* **Task requirements**: The material below holds a span beginning at the line with "#12=IFCCARTESIANPOINT((0.,0.,159.));" and ending at the line with "#28=IFCINDEXEDPOLYGONALFACE((5,41,43,7));". Quote that span exactly, both ends included, and only that span.

+++ Listed entries +++

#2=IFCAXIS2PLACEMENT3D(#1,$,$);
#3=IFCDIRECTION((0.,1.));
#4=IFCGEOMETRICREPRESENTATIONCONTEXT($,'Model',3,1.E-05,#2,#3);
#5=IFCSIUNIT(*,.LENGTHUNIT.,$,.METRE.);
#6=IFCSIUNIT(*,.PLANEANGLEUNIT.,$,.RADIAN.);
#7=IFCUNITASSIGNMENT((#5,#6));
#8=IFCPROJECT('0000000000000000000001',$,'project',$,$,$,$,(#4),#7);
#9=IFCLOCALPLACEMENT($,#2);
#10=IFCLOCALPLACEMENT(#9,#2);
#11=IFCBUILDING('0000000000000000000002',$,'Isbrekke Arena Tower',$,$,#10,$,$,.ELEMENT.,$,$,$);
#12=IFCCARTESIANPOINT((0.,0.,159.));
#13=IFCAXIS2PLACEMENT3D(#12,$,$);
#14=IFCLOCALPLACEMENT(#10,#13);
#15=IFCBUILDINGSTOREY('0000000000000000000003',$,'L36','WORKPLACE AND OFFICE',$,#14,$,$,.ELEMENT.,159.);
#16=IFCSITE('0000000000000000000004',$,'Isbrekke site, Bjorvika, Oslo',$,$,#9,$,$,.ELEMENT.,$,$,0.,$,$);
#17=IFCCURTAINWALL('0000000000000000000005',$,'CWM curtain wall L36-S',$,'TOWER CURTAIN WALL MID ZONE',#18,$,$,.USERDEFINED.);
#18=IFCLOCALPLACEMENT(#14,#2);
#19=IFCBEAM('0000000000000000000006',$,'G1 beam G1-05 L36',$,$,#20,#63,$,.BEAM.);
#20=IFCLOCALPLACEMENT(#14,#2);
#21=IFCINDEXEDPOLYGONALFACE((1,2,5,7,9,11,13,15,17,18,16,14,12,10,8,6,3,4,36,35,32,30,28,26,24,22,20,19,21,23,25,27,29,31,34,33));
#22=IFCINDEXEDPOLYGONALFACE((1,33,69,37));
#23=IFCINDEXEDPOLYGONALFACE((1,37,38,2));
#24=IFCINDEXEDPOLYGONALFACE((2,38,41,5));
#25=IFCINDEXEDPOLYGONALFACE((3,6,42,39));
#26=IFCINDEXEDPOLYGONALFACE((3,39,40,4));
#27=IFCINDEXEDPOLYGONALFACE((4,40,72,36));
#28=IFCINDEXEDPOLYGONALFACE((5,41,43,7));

+++
+++ Listed entries +++

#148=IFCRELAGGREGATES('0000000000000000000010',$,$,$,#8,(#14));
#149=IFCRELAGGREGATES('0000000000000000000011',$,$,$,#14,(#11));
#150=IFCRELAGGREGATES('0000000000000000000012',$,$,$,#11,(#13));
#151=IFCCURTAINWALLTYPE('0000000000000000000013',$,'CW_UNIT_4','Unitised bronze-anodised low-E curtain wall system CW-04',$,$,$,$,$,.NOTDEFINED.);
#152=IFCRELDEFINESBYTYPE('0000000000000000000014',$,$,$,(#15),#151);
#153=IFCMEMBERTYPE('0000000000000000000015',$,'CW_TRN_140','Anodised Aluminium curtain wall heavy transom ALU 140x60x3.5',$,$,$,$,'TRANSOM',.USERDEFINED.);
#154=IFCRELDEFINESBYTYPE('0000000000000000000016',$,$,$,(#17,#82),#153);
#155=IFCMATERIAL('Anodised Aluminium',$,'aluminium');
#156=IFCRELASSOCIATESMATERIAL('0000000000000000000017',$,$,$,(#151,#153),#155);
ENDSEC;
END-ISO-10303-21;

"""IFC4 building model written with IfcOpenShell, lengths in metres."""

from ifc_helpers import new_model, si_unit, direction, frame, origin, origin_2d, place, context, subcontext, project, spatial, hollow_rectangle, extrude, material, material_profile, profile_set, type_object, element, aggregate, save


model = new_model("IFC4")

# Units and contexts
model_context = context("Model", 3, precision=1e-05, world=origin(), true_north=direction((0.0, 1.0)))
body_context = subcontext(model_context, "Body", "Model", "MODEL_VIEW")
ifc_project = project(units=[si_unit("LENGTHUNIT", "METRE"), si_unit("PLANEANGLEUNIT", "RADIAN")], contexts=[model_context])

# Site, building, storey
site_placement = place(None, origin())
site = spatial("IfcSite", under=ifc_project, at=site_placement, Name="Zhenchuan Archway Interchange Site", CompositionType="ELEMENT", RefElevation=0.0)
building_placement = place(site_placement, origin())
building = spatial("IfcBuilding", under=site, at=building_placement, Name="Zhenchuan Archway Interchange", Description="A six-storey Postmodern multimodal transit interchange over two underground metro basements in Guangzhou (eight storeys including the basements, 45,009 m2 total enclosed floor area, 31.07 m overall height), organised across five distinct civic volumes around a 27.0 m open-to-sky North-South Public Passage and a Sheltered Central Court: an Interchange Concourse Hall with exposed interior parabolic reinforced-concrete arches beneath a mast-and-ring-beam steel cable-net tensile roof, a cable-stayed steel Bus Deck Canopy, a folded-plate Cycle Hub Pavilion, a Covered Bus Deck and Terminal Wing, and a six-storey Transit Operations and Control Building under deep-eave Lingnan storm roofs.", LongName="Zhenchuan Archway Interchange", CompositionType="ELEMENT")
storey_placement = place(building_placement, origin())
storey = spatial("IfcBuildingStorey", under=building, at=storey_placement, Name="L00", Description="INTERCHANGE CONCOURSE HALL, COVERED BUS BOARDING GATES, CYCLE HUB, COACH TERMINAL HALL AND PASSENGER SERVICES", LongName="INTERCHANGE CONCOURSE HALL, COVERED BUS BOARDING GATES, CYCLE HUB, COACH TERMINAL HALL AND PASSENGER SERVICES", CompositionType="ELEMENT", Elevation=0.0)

+++
+++ Listed entries +++

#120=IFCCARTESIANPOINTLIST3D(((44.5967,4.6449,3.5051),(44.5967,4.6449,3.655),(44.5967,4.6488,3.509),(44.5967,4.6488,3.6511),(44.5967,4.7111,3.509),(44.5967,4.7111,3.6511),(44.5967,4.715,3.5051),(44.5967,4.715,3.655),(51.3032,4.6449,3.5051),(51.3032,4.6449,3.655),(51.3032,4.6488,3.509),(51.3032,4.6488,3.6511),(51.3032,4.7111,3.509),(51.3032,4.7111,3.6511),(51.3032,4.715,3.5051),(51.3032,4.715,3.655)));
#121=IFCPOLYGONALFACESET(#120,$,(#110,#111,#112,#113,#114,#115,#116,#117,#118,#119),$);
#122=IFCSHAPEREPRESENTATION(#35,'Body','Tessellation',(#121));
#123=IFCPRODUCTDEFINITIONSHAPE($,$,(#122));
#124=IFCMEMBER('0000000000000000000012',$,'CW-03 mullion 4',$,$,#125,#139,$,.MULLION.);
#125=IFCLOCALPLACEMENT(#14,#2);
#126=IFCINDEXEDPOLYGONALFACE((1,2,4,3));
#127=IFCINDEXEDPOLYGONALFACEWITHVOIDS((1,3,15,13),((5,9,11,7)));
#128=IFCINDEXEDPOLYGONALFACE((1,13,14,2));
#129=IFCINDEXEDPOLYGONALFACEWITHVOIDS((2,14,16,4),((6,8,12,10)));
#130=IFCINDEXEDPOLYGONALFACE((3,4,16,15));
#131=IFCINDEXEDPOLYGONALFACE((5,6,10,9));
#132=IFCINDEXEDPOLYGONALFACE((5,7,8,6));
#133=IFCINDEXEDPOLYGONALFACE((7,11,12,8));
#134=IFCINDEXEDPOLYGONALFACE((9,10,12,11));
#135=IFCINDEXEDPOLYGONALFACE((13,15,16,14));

+++

* **Output for this task**:
#12=IFCCARTESIANPOINT((0.,0.,159.));
#13=IFCAXIS2PLACEMENT3D(#12,$,$);
#14=IFCLOCALPLACEMENT(#10,#13);
#15=IFCBUILDINGSTOREY('0000000000000000000003',$,'L36','WORKPLACE AND OFFICE',$,#14,$,$,.ELEMENT.,159.);
#16=IFCSITE('0000000000000000000004',$,'Isbrekke site, Bjorvika, Oslo',$,$,#9,$,$,.ELEMENT.,$,$,0.,$,$);
#17=IFCCURTAINWALL('0000000000000000000005',$,'CWM curtain wall L36-S',$,'TOWER CURTAIN WALL MID ZONE',#18,$,$,.USERDEFINED.);
#18=IFCLOCALPLACEMENT(#14,#2);
#19=IFCBEAM('0000000000000000000006',$,'G1 beam G1-05 L36',$,$,#20,#63,$,.BEAM.);
#20=IFCLOCALPLACEMENT(#14,#2);
#21=IFCINDEXEDPOLYGONALFACE((1,2,5,7,9,11,13,15,17,18,16,14,12,10,8,6,3,4,36,35,32,30,28,26,24,22,20,19,21,23,25,27,29,31,34,33));
#22=IFCINDEXEDPOLYGONALFACE((1,33,69,37));
#23=IFCINDEXEDPOLYGONALFACE((1,37,38,2));
#24=IFCINDEXEDPOLYGONALFACE((2,38,41,5));
#25=IFCINDEXEDPOLYGONALFACE((3,6,42,39));
#26=IFCINDEXEDPOLYGONALFACE((3,39,40,4));
#27=IFCINDEXEDPOLYGONALFACE((4,40,72,36));
#28=IFCINDEXEDPOLYGONALFACE((5,41,43,7));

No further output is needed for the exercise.